◆ **TASK TO CARRY OUT**
Restrict the output to the lines below starting at the one that contains "building_placement = place(site_placement, origin())" and ending at the one that contains "frame((0.0, 0.0, 229.0)))", and restate them word for word, both ends included.

◆ **DATA FOR THE TASK**
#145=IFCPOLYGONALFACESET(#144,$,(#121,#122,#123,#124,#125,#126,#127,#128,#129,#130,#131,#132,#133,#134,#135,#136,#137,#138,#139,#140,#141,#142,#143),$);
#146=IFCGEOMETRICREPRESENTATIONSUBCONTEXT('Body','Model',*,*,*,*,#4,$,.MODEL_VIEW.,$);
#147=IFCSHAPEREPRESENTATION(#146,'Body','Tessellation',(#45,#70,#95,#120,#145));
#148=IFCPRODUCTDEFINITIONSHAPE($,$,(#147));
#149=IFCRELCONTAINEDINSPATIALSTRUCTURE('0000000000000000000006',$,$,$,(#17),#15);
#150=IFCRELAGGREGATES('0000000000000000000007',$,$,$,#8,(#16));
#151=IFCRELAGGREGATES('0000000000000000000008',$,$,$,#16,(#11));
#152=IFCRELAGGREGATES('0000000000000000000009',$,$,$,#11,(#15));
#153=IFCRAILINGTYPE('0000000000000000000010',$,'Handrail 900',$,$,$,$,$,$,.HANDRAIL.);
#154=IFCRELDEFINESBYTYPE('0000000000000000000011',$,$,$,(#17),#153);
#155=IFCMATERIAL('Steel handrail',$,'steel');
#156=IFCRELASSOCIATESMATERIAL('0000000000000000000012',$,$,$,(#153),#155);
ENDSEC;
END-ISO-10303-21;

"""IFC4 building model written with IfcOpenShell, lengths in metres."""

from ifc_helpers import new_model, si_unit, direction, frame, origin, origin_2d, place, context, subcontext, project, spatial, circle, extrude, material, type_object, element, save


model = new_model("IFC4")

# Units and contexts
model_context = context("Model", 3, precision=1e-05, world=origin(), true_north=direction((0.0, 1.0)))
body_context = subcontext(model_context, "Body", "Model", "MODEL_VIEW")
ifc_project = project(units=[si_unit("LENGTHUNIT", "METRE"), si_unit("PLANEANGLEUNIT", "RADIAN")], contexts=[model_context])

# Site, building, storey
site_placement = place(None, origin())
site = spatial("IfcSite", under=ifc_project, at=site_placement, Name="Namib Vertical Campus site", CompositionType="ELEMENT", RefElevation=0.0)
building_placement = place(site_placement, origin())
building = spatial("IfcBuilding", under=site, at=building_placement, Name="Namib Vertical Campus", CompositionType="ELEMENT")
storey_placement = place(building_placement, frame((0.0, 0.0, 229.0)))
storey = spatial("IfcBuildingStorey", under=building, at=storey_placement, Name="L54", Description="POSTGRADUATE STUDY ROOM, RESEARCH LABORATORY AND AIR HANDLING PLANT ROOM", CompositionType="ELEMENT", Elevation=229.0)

◆ **RESPONSE FOR THIS EXERCISE**
building_placement = place(site_placement, origin())
building = spatial("IfcBuilding", under=site, at=building_placement, Name="Namib Vertical Campus", CompositionType="ELEMENT")
storey_placement = place(building_placement, frame((0.0, 0.0, 229.0)))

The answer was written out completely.